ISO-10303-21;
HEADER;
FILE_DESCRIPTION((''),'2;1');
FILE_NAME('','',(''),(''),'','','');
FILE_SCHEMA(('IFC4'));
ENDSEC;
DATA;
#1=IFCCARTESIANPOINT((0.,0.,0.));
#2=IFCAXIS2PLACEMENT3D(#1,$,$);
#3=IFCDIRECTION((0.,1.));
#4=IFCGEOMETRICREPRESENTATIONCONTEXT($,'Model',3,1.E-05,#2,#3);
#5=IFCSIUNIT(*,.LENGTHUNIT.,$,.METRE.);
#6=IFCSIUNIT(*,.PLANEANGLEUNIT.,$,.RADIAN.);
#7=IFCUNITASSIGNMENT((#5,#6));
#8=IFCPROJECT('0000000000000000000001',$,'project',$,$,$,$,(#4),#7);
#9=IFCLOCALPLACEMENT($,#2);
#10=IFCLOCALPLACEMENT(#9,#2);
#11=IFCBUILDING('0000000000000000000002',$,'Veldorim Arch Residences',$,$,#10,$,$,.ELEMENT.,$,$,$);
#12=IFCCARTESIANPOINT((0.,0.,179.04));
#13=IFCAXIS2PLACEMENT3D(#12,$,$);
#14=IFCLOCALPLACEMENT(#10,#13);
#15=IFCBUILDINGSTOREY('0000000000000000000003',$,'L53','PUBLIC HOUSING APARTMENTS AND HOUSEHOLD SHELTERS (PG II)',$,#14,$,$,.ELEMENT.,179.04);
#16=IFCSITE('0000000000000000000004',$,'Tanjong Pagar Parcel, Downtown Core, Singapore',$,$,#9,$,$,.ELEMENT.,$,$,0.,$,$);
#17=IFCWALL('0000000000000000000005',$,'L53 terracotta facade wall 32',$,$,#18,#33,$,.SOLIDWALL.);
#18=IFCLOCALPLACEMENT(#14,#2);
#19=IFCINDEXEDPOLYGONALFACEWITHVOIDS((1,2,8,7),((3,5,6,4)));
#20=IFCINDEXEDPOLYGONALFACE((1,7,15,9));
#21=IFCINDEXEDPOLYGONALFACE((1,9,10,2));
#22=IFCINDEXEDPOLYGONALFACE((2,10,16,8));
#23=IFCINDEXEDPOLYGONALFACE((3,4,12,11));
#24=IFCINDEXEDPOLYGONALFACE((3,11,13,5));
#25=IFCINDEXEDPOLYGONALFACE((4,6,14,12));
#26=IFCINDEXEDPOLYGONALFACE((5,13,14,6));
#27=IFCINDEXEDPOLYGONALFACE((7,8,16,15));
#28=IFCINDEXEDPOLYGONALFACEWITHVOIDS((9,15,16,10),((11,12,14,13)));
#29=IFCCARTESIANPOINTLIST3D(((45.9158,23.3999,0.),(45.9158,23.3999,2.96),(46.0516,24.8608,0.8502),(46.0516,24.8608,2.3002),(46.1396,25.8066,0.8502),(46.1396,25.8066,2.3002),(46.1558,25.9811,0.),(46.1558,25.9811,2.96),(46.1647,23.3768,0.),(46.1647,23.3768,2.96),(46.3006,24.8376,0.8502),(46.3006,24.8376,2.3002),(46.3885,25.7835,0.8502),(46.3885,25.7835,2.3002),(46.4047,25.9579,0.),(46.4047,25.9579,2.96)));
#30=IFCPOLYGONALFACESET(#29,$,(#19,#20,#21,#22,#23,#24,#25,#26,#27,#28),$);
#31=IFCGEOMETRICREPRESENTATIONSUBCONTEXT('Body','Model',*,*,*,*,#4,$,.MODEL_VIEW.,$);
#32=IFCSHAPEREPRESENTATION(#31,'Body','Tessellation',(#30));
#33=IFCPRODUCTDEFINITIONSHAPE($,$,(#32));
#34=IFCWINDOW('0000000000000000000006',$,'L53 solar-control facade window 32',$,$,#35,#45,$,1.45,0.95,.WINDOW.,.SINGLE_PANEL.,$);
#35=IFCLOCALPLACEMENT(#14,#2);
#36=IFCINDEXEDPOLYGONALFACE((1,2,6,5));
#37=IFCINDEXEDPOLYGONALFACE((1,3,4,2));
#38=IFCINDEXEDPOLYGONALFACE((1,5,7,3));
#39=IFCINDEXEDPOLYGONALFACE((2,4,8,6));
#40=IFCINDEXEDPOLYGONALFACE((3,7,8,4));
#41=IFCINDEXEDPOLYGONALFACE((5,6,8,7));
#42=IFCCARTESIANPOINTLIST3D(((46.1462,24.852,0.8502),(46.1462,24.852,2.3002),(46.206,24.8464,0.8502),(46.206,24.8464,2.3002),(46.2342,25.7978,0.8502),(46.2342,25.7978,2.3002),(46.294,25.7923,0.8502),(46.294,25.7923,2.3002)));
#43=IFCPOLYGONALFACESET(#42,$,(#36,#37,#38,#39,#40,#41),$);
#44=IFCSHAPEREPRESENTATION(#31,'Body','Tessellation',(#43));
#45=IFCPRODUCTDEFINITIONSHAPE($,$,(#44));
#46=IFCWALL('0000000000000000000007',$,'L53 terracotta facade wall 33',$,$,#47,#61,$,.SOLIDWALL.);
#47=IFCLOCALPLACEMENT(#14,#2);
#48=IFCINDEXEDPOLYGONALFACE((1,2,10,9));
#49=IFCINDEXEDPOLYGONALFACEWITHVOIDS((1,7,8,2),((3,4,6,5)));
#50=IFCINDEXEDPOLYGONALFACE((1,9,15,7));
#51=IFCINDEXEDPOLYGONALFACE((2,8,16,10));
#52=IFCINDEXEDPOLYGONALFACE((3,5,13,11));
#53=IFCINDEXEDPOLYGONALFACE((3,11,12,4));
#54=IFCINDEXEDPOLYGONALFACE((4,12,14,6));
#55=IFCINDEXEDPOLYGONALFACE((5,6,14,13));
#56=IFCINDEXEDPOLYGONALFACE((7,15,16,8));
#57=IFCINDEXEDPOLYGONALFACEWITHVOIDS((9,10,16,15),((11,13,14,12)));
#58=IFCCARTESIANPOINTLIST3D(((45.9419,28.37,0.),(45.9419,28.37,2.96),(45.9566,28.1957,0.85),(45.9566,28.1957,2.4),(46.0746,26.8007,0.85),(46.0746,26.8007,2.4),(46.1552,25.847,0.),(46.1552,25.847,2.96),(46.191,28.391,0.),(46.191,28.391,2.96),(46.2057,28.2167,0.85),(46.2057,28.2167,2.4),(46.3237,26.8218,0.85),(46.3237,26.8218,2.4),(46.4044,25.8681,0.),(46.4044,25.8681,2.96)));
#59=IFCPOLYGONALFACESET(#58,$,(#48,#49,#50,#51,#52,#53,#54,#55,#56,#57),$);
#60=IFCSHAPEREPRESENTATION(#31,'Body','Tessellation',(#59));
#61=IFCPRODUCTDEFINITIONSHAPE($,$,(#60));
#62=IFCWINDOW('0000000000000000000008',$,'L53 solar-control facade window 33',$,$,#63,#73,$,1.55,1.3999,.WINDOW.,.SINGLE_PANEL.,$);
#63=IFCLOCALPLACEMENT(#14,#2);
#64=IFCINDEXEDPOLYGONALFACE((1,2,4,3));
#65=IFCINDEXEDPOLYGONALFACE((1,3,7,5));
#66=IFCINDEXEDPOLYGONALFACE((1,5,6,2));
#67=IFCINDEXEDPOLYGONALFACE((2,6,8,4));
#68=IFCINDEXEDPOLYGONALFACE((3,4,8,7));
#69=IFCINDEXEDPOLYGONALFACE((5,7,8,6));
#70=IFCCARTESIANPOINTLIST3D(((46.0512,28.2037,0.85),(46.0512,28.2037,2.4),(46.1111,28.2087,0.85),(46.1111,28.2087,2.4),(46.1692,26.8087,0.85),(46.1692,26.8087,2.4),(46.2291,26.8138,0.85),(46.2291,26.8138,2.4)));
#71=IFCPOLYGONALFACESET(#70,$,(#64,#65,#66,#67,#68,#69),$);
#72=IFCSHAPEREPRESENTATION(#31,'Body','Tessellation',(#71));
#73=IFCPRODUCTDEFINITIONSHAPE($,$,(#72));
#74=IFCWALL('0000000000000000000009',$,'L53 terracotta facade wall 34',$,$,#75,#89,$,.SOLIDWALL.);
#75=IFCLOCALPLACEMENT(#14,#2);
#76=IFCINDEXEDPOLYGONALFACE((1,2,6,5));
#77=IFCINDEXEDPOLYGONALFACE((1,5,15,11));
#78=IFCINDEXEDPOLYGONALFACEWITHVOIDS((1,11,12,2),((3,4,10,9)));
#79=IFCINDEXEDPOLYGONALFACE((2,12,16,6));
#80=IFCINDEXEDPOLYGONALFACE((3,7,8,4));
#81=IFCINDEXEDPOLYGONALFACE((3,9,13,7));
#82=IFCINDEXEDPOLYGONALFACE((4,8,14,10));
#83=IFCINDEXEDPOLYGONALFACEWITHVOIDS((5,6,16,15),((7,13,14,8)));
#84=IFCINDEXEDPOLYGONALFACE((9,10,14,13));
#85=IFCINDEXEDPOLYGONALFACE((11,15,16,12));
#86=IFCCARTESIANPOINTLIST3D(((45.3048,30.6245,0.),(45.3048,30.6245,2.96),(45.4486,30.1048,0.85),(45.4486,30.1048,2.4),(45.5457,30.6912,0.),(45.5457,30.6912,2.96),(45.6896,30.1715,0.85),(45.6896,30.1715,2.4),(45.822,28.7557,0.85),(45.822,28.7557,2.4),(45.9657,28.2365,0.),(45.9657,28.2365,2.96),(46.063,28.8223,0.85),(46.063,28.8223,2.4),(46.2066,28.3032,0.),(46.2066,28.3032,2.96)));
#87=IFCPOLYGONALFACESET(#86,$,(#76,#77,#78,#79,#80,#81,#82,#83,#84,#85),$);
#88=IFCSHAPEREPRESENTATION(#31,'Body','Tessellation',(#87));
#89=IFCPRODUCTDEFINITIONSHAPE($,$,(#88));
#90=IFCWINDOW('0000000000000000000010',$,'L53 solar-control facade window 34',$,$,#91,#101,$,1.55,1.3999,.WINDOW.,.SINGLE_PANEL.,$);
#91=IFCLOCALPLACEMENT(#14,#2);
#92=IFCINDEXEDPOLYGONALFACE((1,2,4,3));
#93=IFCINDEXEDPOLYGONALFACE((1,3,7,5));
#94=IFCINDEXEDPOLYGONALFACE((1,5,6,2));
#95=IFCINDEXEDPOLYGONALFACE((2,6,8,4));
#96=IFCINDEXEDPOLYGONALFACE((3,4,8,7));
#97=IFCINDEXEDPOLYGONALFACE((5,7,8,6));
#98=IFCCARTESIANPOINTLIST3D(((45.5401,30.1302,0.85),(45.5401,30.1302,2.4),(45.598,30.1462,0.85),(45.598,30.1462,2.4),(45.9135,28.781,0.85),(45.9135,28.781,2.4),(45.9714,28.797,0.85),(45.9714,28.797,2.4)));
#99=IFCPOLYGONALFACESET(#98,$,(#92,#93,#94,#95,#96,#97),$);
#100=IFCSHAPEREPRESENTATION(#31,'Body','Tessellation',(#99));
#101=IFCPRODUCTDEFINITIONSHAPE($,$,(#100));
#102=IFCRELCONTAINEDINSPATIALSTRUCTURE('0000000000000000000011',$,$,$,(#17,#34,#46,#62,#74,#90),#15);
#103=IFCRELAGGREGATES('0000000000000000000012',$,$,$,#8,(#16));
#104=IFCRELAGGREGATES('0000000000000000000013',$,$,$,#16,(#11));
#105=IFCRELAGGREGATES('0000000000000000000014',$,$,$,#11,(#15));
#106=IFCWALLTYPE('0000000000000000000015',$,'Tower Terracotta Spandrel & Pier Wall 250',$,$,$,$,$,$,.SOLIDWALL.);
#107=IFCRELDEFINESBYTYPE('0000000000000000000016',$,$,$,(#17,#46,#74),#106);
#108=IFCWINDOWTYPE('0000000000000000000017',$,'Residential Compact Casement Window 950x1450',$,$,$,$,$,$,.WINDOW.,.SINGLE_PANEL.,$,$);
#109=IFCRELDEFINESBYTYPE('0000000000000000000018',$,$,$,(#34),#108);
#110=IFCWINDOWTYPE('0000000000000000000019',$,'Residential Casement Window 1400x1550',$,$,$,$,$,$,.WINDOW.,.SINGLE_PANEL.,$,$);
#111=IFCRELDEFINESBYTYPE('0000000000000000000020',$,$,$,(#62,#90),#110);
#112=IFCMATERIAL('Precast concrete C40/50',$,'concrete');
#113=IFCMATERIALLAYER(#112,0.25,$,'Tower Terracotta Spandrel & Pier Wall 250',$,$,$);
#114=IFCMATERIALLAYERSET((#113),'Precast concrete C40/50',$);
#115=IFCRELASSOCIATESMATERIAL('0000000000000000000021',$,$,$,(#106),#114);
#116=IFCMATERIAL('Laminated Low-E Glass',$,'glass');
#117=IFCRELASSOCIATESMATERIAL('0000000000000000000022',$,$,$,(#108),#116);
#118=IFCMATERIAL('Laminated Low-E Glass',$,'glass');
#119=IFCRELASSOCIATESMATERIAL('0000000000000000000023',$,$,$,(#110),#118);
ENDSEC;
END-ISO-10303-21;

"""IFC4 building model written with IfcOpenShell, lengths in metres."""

from ifc_helpers import new_model, si_unit, direction, frame, frame_2d, origin, place, context, subcontext, project, spatial, rectangle, extrude, material, layer, layer_set, type_object, element, fill, save


model = new_model("IFC4")

# Units and contexts
model_context = context("Model", 3, precision=1e-05, world=origin(), true_north=direction((0.0, 1.0)))
body_context = subcontext(model_context, "Body", "Model", "MODEL_VIEW")
ifc_project = project(units=[si_unit("LENGTHUNIT", "METRE"), si_unit("PLANEANGLEUNIT", "RADIAN")], contexts=[model_context])

# Site, building, storey
site_placement = place(None, origin())
site = spatial("IfcSite", under=ifc_project, at=site_placement, Name="Tanjong Pagar Parcel, Downtown Core, Singapore", CompositionType="ELEMENT", RefElevation=0.0)
building_placement = place(site_placement, origin())
building = spatial("IfcBuilding", under=site, at=building_placement, Name="Veldorim Arch Residences", CompositionType="ELEMENT")
storey_placement = place(building_placement, frame((0.0, 0.0, 179.04)))
storey = spatial("IfcBuildingStorey", under=building, at=storey_placement, Name="L53", Description="PUBLIC HOUSING APARTMENTS AND HOUSEHOLD SHELTERS (PG II)", CompositionType="ELEMENT", Elevation=179.04)

# Walls, openings, windows
ifc_material_1 = material(Name="Precast concrete C40/50", Category="concrete")
ifc_layer_1 = layer(ifc_material_1, 0.25, Name="Tower Terracotta Spandrel & Pier Wall 250")
ifc_layer_set_1 = layer_set([ifc_layer_1], Name="Precast concrete C40/50")
wall_type_1 = type_object("IfcWallType", Name="Tower Terracotta Spandrel & Pier Wall 250", PredefinedType="SOLIDWALL", material=ifc_layer_set_1)
wall_1_placement = place(storey_placement, frame((46.2803, 25.9695, 0.0), z_axis=(0.0, 0.0, 1.0), x_axis=(-0.092582, -0.995705, 0.0)))
wall_1 = element("IfcWall", 1, at=wall_1_placement, inside=storey, type_object=wall_type_1, Name="L53 terracotta facade wall 32", PredefinedType="SOLIDWALL", context=body_context, shape_type="SweptSolid", body=[
    extrude(rectangle(XDim=2.5923, YDim=0.25, at=frame_2d((1.2961, 0.0))), origin(), (0.0, 0.0, 1.0), 2.96),
])
opening_1_placement = place(wall_1_placement, frame((0.175, 0.0, 0.8501)))
opening_1 = element("IfcOpeningElement", 2, at=opening_1_placement, cuts=wall_1, PredefinedType="OPENING", context=body_context, shape_type="SweptSolid", body=[
    extrude(rectangle(XDim=0.95, YDim=1.45, at=frame_2d((0.4751, 0.7251))), frame((0.0, 0.135, 0.0), z_axis=(0.0, -1.0, 0.0), x_axis=(1.0, 0.0, 0.0)), (0.0, 0.0, 1.0), 0.27),
])
ifc_material_2 = material(Name="Laminated Low-E Glass", Category="glass")
window_type_1 = type_object("IfcWindowType", Name="Residential Compact Casement Window 950x1450", PartitioningType="SINGLE_PANEL", PredefinedType="WINDOW", material=ifc_material_2)
window_1_placement = place(opening_1_placement, origin())
window_1 = element("IfcWindow", 3, at=window_1_placement, inside=storey, type_object=window_type_1, Name="L53 solar-control facade window 32", OverallHeight=1.45, OverallWidth=0.95, PartitioningType="SINGLE_PANEL", PredefinedType="WINDOW", context=body_context, shape_type="SweptSolid", body=[
    extrude(rectangle(XDim=0.95, YDim=1.45, at=frame_2d((0.4751, 0.7251))), frame((0.0, 0.03, 0.0), z_axis=(0.0, -1.0, 0.0), x_axis=(1.0, 0.0, 0.0)), (0.0, 0.0, 1.0), 0.0601),
])
fill(opening_1, window_1)
wall_2_placement = place(storey_placement, frame((46.0664, 28.3806, 0.0), z_axis=(0.0, 0.0, 1.0), x_axis=(0.084274, -0.996443, 0.0)))
wall_2 = element("IfcWall", 4, at=wall_2_placement, inside=storey, type_object=wall_type_1, Name="L53 terracotta facade wall 33", PredefinedType="SOLIDWALL", context=body_context, shape_type="SweptSolid", body=[
    extrude(rectangle(XDim=2.532, YDim=0.25, at=frame_2d((1.2661, 0.0))), origin(), (0.0, 0.0, 1.0), 2.96),
])
opening_2_placement = place(wall_2_placement, frame((0.175, 0.0, 0.8501)))
opening_2 = element("IfcOpeningElement", 5, at=opening_2_placement, cuts=wall_2, PredefinedType="OPENING", context=body_context, shape_type="SweptSolid", body=[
+++
Would you output, from the records above, exactly the run of lines that starts at the line containing "#75=IFCLOCALPLACEMENT(#14,#2);" and ends at the line containing "#101=IFCPRODUCTDEFINITIONSHAPE($,$,(#100));", and only that run?

| RESPONSE BOX |
#75=IFCLOCALPLACEMENT(#14,#2);
#76=IFCINDEXEDPOLYGONALFACE((1,2,6,5));
#77=IFCINDEXEDPOLYGONALFACE((1,5,15,11));
#78=IFCINDEXEDPOLYGONALFACEWITHVOIDS((1,11,12,2),((3,4,10,9)));
#79=IFCINDEXEDPOLYGONALFACE((2,12,16,6));
#80=IFCINDEXEDPOLYGONALFACE((3,7,8,4));
#81=IFCINDEXEDPOLYGONALFACE((3,9,13,7));
#82=IFCINDEXEDPOLYGONALFACE((4,8,14,10));
#83=IFCINDEXEDPOLYGONALFACEWITHVOIDS((5,6,16,15),((7,13,14,8)));
#84=IFCINDEXEDPOLYGONALFACE((9,10,14,13));
#85=IFCINDEXEDPOLYGONALFACE((11,15,16,12));
#86=IFCCARTESIANPOINTLIST3D(((45.3048,30.6245,0.),(45.3048,30.6245,2.96),(45.4486,30.1048,0.85),(45.4486,30.1048,2.4),(45.5457,30.6912,0.),(45.5457,30.6912,2.96),(45.6896,30.1715,0.85),(45.6896,30.1715,2.4),(45.822,28.7557,0.85),(45.822,28.7557,2.4),(45.9657,28.2365,0.),(45.9657,28.2365,2.96),(46.063,28.8223,0.85),(46.063,28.8223,2.4),(46.2066,28.3032,0.),(46.2066,28.3032,2.96)));
#87=IFCPOLYGONALFACESET(#86,$,(#76,#77,#78,#79,#80,#81,#82,#83,#84,#85),$);
#88=IFCSHAPEREPRESENTATION(#31,'Body','Tessellation',(#87));
#89=IFCPRODUCTDEFINITIONSHAPE($,$,(#88));
#90=IFCWINDOW('0000000000000000000010',$,'L53 solar-control facade window 34',$,$,#91,#101,$,1.55,1.3999,.WINDOW.,.SINGLE_PANEL.,$);
#91=IFCLOCALPLACEMENT(#14,#2);
#92=IFCINDEXEDPOLYGONALFACE((1,2,4,3));
#93=IFCINDEXEDPOLYGONALFACE((1,3,7,5));
#94=IFCINDEXEDPOLYGONALFACE((1,5,6,2));
#95=IFCINDEXEDPOLYGONALFACE((2,6,8,4));
#96=IFCINDEXEDPOLYGONALFACE((3,4,8,7));
#97=IFCINDEXEDPOLYGONALFACE((5,7,8,6));
#98=IFCCARTESIANPOINTLIST3D(((45.5401,30.1302,0.85),(45.5401,30.1302,2.4),(45.598,30.1462,0.85),(45.598,30.1462,2.4),(45.9135,28.781,0.85),(45.9135,28.781,2.4),(45.9714,28.797,0.85),(45.9714,28.797,2.4)));
#99=IFCPOLYGONALFACESET(#98,$,(#92,#93,#94,#95,#96,#97),$);
#100=IFCSHAPEREPRESENTATION(#31,'Body','Tessellation',(#99));
#101=IFCPRODUCTDEFINITIONSHAPE($,$,(#100));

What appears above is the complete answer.